■ BRIEF ■
Among the lines of data below, reproduce only those from the one with "#130=IFCINDEXEDPOLYGONALFACE((7,8,12,11));" through the one with "#141=IFCINDEXEDPOLYGONALFACE((29,33,34,30));", exactly as they stand, both ends included.

· · · ·

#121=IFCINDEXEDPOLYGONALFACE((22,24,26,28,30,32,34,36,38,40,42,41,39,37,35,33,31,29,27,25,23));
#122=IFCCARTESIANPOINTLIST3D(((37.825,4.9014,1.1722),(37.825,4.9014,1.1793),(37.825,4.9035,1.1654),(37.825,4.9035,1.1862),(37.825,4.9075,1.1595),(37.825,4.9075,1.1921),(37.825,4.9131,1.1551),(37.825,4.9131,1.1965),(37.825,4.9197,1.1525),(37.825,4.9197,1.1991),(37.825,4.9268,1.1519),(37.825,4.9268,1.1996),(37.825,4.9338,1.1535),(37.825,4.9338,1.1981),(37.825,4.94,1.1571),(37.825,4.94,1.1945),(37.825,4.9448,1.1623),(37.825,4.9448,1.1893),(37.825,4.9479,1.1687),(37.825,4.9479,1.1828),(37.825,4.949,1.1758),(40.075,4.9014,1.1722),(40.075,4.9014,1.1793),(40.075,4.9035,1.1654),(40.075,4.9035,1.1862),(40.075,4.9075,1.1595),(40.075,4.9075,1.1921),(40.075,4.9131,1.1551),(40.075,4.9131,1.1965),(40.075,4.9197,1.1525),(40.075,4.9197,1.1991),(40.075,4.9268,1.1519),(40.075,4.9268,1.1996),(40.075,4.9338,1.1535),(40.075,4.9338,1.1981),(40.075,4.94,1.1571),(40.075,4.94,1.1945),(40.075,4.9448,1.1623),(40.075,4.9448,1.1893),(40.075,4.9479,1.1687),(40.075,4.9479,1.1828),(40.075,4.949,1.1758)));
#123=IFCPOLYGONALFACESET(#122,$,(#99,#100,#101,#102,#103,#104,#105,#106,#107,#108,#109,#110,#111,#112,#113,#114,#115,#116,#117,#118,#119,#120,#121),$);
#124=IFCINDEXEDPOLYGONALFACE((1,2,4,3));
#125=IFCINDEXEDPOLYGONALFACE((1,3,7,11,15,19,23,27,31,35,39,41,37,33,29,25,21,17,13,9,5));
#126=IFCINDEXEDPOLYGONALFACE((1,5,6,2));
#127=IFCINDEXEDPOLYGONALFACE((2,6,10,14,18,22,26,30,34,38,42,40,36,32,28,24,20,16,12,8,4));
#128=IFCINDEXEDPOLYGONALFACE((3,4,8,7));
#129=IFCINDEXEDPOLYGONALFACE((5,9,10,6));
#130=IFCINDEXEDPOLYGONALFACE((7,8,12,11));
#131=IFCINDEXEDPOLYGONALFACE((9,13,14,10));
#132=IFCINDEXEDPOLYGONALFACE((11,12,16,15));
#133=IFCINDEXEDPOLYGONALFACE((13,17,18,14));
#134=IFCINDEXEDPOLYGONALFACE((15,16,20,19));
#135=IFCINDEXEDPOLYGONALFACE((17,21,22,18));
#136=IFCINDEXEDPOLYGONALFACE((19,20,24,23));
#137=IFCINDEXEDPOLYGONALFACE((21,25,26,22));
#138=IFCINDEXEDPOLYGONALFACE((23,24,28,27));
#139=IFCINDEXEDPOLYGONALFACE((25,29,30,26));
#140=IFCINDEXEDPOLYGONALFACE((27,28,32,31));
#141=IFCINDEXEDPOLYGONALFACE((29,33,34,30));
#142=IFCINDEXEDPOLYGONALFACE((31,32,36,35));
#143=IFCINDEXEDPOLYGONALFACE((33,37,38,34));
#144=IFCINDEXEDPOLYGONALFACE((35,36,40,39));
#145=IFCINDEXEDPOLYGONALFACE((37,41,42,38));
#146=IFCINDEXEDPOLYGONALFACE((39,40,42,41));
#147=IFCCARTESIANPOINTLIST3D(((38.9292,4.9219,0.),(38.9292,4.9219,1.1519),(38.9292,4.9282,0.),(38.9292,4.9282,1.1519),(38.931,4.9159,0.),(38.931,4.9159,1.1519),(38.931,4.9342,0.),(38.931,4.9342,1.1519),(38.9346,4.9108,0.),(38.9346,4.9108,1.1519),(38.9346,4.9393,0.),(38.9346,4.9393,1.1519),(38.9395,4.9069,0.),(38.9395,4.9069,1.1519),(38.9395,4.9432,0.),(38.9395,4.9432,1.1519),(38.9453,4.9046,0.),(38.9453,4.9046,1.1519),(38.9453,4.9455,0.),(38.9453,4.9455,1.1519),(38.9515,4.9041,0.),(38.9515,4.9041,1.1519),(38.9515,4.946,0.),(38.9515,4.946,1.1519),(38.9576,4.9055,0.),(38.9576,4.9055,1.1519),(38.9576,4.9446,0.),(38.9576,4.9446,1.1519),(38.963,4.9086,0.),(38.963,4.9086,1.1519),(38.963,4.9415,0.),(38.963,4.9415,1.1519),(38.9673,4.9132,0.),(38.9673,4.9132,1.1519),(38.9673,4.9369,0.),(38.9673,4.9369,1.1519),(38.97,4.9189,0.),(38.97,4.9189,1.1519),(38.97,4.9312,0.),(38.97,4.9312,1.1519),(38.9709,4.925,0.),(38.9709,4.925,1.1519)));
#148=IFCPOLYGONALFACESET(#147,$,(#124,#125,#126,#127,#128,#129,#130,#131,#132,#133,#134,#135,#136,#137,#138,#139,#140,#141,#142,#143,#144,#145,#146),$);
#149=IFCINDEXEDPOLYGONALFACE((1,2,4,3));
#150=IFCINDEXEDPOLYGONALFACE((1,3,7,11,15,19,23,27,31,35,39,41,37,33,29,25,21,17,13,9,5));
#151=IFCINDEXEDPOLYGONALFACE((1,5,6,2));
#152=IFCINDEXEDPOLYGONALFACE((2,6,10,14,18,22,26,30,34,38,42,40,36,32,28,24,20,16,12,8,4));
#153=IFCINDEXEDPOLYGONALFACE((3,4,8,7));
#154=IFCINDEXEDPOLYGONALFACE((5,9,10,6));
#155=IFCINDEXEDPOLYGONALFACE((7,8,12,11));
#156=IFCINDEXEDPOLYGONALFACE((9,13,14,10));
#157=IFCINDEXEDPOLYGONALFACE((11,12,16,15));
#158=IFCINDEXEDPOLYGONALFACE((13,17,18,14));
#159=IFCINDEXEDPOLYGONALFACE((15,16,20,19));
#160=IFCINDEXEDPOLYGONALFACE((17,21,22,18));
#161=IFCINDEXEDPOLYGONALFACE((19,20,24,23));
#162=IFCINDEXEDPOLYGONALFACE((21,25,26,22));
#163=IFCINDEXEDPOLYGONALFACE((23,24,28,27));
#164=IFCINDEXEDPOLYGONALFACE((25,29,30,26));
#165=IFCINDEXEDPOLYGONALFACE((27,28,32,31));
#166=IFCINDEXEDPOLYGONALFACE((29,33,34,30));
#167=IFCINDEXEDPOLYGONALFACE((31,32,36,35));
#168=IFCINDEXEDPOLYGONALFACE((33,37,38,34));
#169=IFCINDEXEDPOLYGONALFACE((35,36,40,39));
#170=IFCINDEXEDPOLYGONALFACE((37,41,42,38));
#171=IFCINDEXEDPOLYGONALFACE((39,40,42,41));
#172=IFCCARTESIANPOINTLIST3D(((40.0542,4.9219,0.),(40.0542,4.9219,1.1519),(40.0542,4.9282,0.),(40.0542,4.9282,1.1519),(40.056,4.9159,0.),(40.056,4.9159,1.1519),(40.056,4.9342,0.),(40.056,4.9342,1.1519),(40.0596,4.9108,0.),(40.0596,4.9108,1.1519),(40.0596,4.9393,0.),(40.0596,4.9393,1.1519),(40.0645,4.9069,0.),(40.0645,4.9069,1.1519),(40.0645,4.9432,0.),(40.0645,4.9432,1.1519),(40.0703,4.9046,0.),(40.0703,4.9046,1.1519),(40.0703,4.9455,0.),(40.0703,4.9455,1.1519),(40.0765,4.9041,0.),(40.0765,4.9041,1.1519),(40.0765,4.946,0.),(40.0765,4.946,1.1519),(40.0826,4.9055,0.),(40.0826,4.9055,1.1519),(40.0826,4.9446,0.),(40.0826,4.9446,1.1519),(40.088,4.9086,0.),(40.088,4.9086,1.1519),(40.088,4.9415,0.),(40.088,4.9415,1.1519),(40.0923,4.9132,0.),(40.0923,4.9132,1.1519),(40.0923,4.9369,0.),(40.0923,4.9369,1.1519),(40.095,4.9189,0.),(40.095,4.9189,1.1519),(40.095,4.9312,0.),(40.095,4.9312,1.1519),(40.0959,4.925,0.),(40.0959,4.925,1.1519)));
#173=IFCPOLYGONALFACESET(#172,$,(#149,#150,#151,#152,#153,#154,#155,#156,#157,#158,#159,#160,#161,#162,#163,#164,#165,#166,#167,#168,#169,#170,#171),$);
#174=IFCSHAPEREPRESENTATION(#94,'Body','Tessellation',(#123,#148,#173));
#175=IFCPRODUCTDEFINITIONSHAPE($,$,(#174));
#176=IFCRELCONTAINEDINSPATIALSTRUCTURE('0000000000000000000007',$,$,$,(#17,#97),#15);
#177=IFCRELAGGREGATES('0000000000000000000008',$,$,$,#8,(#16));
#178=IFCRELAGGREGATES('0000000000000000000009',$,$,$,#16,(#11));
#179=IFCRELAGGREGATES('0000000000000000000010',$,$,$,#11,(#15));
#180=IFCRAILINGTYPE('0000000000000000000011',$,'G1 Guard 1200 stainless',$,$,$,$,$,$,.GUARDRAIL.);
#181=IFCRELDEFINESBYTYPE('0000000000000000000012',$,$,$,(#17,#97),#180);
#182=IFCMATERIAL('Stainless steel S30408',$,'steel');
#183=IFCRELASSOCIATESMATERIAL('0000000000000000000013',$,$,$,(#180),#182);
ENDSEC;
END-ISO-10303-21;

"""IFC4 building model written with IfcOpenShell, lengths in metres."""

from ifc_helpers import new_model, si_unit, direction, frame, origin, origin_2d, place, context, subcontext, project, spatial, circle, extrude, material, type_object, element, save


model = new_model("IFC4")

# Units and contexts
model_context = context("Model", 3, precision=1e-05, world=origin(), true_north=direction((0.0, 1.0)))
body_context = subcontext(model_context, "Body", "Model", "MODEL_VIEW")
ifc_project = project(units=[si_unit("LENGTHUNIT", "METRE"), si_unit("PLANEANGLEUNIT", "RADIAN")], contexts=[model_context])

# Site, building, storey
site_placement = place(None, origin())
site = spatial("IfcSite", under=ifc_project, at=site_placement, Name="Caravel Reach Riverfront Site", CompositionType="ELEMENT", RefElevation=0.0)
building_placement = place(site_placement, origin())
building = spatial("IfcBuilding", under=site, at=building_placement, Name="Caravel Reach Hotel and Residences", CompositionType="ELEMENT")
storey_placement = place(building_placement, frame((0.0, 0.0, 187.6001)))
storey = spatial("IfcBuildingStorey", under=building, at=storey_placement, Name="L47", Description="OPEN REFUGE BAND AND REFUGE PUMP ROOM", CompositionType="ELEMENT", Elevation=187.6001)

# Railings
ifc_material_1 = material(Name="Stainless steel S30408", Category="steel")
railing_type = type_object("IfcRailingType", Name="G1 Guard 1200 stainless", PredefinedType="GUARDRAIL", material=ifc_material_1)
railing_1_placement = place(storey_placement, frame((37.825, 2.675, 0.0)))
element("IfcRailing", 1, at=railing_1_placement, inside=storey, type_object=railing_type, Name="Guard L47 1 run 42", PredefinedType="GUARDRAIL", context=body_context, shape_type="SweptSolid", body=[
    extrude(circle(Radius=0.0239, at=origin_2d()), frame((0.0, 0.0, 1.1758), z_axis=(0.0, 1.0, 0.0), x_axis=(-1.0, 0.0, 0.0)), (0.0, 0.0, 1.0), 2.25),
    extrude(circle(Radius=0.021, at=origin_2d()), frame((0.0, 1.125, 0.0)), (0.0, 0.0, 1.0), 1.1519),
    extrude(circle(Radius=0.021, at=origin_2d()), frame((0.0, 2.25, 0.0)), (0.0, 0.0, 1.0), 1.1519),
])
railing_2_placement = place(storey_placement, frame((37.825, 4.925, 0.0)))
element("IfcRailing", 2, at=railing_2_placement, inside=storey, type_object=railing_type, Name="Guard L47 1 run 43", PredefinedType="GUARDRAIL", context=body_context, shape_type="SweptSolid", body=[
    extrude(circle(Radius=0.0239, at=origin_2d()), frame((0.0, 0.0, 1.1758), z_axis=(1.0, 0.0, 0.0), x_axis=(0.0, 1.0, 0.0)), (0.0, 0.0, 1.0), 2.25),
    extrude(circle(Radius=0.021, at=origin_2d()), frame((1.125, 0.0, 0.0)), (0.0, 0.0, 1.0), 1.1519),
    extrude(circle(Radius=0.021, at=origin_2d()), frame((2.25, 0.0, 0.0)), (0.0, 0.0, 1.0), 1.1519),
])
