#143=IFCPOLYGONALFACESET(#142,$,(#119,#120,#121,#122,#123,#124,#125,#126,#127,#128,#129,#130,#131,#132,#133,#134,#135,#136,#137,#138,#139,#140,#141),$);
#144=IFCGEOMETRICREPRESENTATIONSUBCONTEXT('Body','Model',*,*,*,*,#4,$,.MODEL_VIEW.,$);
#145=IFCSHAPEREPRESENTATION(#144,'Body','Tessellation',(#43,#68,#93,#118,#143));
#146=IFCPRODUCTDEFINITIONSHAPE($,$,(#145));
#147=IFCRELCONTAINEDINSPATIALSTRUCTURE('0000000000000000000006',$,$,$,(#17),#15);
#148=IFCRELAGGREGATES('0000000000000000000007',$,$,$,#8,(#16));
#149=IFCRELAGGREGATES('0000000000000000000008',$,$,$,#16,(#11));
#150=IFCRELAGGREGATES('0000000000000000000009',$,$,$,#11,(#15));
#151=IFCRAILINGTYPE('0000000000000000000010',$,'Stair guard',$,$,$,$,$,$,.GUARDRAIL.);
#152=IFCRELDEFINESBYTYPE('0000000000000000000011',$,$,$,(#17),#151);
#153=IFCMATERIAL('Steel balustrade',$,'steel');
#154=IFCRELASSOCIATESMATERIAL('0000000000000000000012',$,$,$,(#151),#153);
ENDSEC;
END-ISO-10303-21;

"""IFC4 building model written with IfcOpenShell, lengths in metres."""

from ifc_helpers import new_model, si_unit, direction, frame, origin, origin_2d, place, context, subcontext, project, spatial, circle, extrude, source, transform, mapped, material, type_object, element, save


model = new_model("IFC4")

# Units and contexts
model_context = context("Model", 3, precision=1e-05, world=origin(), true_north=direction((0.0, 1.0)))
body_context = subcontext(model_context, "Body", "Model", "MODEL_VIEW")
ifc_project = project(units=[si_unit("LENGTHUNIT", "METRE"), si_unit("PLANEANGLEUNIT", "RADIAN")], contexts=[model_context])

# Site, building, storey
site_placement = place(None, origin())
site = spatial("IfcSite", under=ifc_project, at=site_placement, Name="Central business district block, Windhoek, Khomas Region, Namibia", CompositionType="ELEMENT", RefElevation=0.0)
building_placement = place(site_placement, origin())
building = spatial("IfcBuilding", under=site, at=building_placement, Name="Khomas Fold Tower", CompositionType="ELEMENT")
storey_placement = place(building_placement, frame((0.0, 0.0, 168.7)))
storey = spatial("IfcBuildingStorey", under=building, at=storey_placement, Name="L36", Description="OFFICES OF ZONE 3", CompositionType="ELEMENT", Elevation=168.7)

· · · ·

■ SOLVED EXERCISE ■
#130=IFCINDEXEDPOLYGONALFACE((7,8,12,11));
#131=IFCINDEXEDPOLYGONALFACE((9,13,14,10));
#132=IFCINDEXEDPOLYGONALFACE((11,12,16,15));
#133=IFCINDEXEDPOLYGONALFACE((13,17,18,14));
#134=IFCINDEXEDPOLYGONALFACE((15,16,20,19));
#135=IFCINDEXEDPOLYGONALFACE((17,21,22,18));
#136=IFCINDEXEDPOLYGONALFACE((19,20,24,23));
#137=IFCINDEXEDPOLYGONALFACE((21,25,26,22));
#138=IFCINDEXEDPOLYGONALFACE((23,24,28,27));
#139=IFCINDEXEDPOLYGONALFACE((25,29,30,26));
#140=IFCINDEXEDPOLYGONALFACE((27,28,32,31));
#141=IFCINDEXEDPOLYGONALFACE((29,33,34,30));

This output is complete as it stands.